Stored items
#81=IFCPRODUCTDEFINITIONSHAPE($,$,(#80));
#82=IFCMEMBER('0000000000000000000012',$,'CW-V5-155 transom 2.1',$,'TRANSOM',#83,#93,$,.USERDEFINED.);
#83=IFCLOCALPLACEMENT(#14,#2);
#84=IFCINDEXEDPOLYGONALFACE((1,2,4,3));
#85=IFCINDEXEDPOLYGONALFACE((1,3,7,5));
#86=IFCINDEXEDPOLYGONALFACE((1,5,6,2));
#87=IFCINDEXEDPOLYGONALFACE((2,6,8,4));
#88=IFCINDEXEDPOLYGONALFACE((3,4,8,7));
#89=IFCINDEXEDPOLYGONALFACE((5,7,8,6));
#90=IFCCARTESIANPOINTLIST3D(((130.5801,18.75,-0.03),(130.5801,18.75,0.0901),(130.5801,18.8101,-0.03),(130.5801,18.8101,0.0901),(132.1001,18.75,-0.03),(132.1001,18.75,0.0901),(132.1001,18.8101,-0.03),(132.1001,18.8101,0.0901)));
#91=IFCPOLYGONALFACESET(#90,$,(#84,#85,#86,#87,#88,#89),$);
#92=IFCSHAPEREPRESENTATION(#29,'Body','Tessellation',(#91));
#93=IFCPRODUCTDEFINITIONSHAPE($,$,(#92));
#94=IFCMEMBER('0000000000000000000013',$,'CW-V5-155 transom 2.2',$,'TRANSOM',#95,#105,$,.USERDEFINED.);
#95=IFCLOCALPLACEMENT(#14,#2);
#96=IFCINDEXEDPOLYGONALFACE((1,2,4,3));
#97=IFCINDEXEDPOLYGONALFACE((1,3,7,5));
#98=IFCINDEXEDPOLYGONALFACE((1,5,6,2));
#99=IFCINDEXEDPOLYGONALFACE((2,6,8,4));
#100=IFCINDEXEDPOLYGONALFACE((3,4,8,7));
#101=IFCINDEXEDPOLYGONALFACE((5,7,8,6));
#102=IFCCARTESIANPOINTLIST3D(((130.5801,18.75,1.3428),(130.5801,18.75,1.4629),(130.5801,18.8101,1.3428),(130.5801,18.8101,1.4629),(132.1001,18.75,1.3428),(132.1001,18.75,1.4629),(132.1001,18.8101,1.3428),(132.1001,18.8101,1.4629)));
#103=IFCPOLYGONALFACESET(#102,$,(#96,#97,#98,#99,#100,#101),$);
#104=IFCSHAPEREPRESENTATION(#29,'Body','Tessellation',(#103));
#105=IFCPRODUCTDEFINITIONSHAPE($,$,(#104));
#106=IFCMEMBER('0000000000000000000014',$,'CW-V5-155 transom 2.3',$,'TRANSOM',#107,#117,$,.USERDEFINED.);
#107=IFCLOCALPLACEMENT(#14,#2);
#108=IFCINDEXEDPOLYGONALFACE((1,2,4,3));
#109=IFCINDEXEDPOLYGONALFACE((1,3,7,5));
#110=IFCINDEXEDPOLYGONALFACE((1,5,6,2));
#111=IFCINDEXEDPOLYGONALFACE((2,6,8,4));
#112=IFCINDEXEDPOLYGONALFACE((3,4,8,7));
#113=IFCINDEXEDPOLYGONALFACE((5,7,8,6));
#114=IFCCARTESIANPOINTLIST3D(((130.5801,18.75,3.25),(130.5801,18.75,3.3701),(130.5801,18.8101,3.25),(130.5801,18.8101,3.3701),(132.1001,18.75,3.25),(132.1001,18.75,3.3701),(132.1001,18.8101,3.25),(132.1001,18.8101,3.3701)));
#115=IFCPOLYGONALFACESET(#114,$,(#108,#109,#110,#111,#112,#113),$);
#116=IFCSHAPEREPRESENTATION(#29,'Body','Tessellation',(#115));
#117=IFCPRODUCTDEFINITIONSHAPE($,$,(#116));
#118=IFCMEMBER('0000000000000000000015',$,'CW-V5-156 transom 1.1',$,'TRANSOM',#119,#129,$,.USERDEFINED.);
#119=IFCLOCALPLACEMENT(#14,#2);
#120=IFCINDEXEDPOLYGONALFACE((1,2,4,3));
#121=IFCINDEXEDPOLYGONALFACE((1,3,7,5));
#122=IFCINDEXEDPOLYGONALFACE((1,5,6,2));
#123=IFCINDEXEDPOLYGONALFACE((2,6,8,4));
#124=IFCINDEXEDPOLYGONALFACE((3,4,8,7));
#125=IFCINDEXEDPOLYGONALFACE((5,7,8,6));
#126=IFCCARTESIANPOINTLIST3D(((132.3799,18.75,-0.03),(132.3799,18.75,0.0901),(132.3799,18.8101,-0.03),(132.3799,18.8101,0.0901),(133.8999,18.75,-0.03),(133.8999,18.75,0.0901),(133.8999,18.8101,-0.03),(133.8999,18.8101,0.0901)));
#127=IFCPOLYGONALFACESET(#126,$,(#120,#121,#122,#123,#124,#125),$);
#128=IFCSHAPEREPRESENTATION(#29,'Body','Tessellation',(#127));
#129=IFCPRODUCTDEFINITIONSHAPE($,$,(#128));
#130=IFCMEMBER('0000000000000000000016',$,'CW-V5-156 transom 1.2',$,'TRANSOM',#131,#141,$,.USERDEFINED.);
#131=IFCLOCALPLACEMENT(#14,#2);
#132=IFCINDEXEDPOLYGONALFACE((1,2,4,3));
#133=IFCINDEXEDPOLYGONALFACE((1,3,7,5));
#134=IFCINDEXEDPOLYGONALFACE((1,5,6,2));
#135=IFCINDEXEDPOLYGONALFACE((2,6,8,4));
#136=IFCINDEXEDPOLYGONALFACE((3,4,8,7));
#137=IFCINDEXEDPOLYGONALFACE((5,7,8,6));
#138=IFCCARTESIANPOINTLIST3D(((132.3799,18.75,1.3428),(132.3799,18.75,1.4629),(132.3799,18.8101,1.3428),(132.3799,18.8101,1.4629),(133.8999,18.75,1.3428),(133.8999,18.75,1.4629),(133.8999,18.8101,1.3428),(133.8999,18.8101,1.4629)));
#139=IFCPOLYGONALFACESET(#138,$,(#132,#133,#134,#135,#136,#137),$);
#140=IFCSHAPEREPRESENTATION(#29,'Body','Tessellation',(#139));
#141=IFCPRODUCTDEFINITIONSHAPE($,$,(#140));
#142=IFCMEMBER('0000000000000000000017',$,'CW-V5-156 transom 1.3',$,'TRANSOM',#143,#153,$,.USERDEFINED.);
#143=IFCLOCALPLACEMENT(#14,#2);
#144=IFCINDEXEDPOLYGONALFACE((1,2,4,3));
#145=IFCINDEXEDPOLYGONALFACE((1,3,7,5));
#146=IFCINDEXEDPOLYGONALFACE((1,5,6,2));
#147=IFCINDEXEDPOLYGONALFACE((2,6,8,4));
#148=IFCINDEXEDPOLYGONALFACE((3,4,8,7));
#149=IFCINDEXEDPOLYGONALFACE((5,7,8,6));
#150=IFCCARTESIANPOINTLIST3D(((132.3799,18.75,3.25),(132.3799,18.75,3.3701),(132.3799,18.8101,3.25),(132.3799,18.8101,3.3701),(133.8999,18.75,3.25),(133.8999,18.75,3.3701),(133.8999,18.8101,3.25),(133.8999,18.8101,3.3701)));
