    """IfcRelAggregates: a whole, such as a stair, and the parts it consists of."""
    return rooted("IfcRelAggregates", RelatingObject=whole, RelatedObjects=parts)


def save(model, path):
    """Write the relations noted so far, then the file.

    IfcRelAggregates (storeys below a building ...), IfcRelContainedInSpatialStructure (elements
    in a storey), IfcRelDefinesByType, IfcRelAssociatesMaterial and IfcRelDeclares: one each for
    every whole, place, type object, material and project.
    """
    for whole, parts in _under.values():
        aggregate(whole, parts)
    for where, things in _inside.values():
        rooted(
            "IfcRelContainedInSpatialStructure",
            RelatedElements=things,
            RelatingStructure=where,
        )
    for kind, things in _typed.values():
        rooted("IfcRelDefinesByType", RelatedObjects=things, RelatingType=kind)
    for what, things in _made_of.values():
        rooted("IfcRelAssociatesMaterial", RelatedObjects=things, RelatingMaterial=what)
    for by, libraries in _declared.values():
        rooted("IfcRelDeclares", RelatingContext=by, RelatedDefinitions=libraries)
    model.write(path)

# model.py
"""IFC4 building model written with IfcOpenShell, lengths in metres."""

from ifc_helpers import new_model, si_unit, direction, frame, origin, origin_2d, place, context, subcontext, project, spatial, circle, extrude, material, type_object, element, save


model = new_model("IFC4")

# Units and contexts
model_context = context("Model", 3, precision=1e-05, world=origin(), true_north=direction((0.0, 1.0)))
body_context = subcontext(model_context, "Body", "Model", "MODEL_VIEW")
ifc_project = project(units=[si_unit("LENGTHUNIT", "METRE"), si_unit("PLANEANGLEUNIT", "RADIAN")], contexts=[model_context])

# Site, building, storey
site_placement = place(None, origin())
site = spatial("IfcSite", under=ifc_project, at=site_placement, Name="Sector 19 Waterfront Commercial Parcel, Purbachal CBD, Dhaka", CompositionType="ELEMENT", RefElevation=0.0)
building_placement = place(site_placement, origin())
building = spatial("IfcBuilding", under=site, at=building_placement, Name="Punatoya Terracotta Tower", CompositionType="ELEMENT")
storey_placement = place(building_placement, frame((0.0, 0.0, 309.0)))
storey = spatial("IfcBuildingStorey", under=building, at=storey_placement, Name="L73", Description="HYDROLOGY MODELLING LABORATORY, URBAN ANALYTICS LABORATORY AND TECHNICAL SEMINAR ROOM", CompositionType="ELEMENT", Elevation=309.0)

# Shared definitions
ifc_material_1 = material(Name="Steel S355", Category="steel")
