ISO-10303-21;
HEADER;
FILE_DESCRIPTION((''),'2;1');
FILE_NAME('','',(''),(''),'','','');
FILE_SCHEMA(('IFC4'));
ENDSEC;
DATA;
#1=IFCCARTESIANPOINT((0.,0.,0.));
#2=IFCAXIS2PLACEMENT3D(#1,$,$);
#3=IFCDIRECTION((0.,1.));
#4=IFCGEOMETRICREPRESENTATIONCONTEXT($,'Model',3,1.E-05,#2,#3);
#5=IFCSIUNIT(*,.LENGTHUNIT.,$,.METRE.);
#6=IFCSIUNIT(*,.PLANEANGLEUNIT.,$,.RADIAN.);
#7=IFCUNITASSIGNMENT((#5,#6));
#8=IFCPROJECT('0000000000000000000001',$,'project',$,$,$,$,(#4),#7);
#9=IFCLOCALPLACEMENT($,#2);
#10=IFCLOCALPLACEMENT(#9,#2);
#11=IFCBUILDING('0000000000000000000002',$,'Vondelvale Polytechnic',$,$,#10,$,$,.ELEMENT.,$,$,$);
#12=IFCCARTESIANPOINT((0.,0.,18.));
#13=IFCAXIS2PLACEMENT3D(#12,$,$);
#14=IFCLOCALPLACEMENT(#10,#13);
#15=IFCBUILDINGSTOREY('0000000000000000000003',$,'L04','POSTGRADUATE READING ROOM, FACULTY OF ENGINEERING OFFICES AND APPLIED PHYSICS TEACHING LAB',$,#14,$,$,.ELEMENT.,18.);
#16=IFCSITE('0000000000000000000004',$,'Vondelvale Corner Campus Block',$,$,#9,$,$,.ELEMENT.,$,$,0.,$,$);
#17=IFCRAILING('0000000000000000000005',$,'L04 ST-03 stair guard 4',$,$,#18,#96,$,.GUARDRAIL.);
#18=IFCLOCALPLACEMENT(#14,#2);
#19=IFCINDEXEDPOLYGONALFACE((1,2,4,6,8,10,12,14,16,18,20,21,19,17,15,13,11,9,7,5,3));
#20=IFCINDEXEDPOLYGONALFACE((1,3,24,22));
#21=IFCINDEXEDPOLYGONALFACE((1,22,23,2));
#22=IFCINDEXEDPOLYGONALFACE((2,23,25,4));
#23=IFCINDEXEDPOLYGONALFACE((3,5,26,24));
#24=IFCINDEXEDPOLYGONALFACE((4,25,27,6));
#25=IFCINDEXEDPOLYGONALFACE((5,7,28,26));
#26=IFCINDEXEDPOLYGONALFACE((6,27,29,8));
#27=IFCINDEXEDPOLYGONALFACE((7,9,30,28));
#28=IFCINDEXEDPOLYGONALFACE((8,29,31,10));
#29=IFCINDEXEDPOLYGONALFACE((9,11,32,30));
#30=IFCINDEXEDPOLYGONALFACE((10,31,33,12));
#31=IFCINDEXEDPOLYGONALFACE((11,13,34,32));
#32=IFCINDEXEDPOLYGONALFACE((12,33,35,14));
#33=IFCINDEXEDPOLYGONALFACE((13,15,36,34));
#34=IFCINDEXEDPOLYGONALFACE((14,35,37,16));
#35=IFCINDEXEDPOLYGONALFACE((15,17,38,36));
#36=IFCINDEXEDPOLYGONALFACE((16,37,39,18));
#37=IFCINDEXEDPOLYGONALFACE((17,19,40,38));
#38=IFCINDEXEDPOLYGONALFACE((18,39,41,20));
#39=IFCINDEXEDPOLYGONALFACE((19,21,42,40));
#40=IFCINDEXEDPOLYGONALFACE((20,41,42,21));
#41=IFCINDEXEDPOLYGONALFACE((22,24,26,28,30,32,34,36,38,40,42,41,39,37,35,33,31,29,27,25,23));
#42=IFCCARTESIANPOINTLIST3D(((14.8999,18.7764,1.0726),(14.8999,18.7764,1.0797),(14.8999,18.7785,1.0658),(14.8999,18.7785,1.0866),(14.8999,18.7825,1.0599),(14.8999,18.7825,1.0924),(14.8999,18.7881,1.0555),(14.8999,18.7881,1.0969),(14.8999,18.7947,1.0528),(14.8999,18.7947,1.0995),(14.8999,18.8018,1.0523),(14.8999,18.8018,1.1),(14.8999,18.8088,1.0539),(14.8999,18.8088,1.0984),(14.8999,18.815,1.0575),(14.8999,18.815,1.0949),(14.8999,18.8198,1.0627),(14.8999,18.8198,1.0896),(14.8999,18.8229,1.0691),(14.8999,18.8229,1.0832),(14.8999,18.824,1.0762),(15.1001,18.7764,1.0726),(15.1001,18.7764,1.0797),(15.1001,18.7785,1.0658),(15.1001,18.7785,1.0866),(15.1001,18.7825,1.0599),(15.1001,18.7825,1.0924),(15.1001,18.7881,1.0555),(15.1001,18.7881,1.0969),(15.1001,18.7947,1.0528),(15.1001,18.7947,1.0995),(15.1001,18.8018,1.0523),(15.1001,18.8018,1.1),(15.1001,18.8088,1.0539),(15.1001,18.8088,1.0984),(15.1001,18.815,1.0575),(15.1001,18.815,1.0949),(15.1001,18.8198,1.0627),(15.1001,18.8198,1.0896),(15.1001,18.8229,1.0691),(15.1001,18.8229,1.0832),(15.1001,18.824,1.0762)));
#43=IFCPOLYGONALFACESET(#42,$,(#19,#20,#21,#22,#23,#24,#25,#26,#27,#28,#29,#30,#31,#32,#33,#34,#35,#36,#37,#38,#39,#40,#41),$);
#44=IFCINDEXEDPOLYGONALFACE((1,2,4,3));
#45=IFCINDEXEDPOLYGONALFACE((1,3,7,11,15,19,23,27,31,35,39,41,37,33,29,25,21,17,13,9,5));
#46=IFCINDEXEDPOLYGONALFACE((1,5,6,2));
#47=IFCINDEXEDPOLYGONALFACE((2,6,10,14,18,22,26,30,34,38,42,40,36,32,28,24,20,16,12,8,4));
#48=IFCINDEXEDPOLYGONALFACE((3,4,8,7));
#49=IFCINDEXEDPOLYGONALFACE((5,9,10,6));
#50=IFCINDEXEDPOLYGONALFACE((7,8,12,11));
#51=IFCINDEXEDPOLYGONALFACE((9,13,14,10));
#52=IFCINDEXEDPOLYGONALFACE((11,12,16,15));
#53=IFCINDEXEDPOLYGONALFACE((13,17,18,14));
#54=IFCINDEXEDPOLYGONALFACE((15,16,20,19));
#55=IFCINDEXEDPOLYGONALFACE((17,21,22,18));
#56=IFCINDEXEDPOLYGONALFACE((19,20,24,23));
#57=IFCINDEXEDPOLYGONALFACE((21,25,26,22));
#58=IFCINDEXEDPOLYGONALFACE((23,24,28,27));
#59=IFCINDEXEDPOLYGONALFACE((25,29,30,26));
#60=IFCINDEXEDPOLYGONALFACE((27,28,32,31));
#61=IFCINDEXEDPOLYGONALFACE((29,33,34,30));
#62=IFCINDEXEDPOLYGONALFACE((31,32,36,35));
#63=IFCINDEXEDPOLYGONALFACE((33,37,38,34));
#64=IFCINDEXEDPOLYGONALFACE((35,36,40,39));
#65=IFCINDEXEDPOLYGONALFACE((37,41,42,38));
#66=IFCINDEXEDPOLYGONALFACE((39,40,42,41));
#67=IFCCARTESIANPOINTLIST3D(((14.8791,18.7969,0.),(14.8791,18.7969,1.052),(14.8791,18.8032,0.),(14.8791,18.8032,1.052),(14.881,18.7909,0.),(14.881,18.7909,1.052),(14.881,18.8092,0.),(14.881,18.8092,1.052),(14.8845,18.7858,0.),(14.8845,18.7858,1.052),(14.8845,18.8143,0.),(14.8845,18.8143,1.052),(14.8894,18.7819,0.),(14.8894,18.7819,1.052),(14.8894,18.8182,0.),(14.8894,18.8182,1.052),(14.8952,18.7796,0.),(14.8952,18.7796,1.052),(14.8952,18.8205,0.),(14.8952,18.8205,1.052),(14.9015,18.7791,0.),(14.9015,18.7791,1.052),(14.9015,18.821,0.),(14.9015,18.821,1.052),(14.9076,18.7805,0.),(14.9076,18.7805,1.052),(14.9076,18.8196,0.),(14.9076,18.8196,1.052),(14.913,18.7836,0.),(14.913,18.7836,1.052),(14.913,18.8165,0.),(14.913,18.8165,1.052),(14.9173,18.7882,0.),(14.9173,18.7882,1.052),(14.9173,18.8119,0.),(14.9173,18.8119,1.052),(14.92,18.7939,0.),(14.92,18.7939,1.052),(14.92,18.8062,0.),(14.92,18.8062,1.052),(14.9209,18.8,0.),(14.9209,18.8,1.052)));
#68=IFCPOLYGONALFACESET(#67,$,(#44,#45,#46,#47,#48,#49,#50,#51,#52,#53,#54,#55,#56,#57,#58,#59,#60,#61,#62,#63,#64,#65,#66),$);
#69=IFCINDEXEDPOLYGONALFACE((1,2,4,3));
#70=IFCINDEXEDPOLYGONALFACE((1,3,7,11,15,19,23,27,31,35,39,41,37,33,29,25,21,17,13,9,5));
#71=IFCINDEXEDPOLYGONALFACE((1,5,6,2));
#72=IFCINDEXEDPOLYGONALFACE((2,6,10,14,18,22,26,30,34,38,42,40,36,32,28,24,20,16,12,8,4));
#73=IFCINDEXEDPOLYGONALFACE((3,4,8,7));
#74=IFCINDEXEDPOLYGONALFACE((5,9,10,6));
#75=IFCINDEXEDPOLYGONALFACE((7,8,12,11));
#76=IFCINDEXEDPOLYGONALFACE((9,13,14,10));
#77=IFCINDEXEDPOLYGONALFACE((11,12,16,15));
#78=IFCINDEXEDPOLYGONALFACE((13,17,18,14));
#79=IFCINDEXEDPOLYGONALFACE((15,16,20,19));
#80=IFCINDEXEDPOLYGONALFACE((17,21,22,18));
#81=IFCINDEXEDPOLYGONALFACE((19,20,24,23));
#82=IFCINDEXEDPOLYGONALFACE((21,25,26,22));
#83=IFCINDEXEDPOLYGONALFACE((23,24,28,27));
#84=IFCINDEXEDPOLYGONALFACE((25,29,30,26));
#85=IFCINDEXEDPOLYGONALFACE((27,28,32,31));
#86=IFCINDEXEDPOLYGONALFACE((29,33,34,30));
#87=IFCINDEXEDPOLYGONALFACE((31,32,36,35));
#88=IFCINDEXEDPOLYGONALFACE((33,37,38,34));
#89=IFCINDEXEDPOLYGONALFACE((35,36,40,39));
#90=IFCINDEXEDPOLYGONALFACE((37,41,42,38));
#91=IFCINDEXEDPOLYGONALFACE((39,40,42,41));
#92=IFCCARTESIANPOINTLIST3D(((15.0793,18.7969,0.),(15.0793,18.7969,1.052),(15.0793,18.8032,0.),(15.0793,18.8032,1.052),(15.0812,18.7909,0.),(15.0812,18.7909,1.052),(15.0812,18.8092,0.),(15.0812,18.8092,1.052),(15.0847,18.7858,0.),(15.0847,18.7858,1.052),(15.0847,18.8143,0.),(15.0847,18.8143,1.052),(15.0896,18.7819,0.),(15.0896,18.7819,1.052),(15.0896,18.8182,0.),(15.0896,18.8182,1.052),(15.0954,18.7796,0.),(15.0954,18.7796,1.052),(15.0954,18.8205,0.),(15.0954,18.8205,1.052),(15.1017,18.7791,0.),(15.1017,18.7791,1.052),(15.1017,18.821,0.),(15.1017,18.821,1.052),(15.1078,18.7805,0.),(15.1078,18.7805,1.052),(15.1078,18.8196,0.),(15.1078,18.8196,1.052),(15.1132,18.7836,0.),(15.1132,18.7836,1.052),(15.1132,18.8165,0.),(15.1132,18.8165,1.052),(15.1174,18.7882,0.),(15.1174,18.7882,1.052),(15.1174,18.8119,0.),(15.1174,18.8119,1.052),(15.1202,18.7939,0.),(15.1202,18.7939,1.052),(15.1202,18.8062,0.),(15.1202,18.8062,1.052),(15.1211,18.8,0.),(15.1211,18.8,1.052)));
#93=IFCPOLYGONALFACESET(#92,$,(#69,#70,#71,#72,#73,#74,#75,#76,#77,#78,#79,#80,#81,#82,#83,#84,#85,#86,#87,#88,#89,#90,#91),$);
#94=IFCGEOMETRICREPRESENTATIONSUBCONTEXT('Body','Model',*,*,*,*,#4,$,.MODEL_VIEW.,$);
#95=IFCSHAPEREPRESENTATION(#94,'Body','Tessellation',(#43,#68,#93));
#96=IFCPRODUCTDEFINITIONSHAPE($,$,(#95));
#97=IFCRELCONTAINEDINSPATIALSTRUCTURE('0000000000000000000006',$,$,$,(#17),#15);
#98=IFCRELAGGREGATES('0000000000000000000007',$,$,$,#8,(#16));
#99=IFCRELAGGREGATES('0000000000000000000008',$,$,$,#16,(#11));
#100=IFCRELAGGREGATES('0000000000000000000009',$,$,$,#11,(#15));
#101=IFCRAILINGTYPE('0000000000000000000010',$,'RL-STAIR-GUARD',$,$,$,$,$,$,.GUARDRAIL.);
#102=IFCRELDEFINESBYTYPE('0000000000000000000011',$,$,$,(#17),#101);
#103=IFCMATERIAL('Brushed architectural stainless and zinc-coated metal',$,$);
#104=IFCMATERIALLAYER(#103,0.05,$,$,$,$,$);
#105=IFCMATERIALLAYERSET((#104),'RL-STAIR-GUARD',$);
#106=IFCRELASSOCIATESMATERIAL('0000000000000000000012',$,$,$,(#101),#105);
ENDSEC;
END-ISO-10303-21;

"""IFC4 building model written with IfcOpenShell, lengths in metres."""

from ifc_helpers import new_model, si_unit, direction, frame, origin, origin_2d, place, context, subcontext, project, spatial, circle, extrude, material, layer, layer_set, type_object, element, save


model = new_model("IFC4")

# Units and contexts
model_context = context("Model", 3, precision=1e-05, world=origin(), true_north=direction((0.0, 1.0)))
body_context = subcontext(model_context, "Body", "Model", "MODEL_VIEW")
ifc_project = project(units=[si_unit("LENGTHUNIT", "METRE"), si_unit("PLANEANGLEUNIT", "RADIAN")], contexts=[model_context])

# Site, building, storey
site_placement = place(None, origin())
site = spatial("IfcSite", under=ifc_project, at=site_placement, Name="Vondelvale Corner Campus Block", CompositionType="ELEMENT", RefElevation=0.0)
building_placement = place(site_placement, origin())
building = spatial("IfcBuilding", under=site, at=building_placement, Name="Vondelvale Polytechnic", CompositionType="ELEMENT")
storey_placement = place(building_placement, frame((0.0, 0.0, 18.0)))
storey = spatial("IfcBuildingStorey", under=building, at=storey_placement, Name="L04", Description="POSTGRADUATE READING ROOM, FACULTY OF ENGINEERING OFFICES AND APPLIED PHYSICS TEACHING LAB", CompositionType="ELEMENT", Elevation=18.0)

# Shared definitions
ifc_material_1 = material(Name="Brushed architectural stainless and zinc-coated metal")

# Railing
ifc_layer_1 = layer(ifc_material_1, 0.05)
ifc_layer_set_1 = layer_set([ifc_layer_1], Name="RL-STAIR-GUARD")
railing_type_1 = type_object("IfcRailingType", Name="RL-STAIR-GUARD", PredefinedType="GUARDRAIL", material=ifc_layer_set_1)
railing_1_placement = place(storey_placement, frame((14.8999, 18.8, 0.0)))
element("IfcRailing", 1, at=railing_1_placement, inside=storey, type_object=railing_type_1, Name="L04 ST-03 stair guard 4", PredefinedType="GUARDRAIL", context=body_context, shape_type="SweptSolid", body=[
    extrude(circle(Radius=0.0239, at=origin_2d()), frame((0.0, 0.0, 1.0762), z_axis=(1.0, 0.0, 0.0), x_axis=(0.0, 1.0, 0.0)), (0.0, 0.0, 1.0), 0.2002),
    extrude(circle(Radius=0.021, at=origin_2d()), origin(), (0.0, 0.0, 1.0), 1.052),
    extrude(circle(Radius=0.021, at=origin_2d()), frame((0.2002, 0.0, 0.0)), (0.0, 0.0, 1.0), 1.052),
])

save(model, "model.ifc")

ASSIGNMENT ->
Transcribe exactly, and only, the lines from the opening line of the records through the line containing "#93=IFCPRODUCTDEFINITIONSHAPE($,$,(#92));".

WRITTEN ANSWER ->
#81=IFCPRODUCTDEFINITIONSHAPE($,$,(#80));
#82=IFCMEMBER('0000000000000000000012',$,'CW-V5-155 transom 2.1',$,'TRANSOM',#83,#93,$,.USERDEFINED.);
#83=IFCLOCALPLACEMENT(#14,#2);
#84=IFCINDEXEDPOLYGONALFACE((1,2,4,3));
#85=IFCINDEXEDPOLYGONALFACE((1,3,7,5));
#86=IFCINDEXEDPOLYGONALFACE((1,5,6,2));
#87=IFCINDEXEDPOLYGONALFACE((2,6,8,4));
#88=IFCINDEXEDPOLYGONALFACE((3,4,8,7));
#89=IFCINDEXEDPOLYGONALFACE((5,7,8,6));
#90=IFCCARTESIANPOINTLIST3D(((130.5801,18.75,-0.03),(130.5801,18.75,0.0901),(130.5801,18.8101,-0.03),(130.5801,18.8101,0.0901),(132.1001,18.75,-0.03),(132.1001,18.75,0.0901),(132.1001,18.8101,-0.03),(132.1001,18.8101,0.0901)));
#91=IFCPOLYGONALFACESET(#90,$,(#84,#85,#86,#87,#88,#89),$);
#92=IFCSHAPEREPRESENTATION(#29,'Body','Tessellation',(#91));
#93=IFCPRODUCTDEFINITIONSHAPE($,$,(#92));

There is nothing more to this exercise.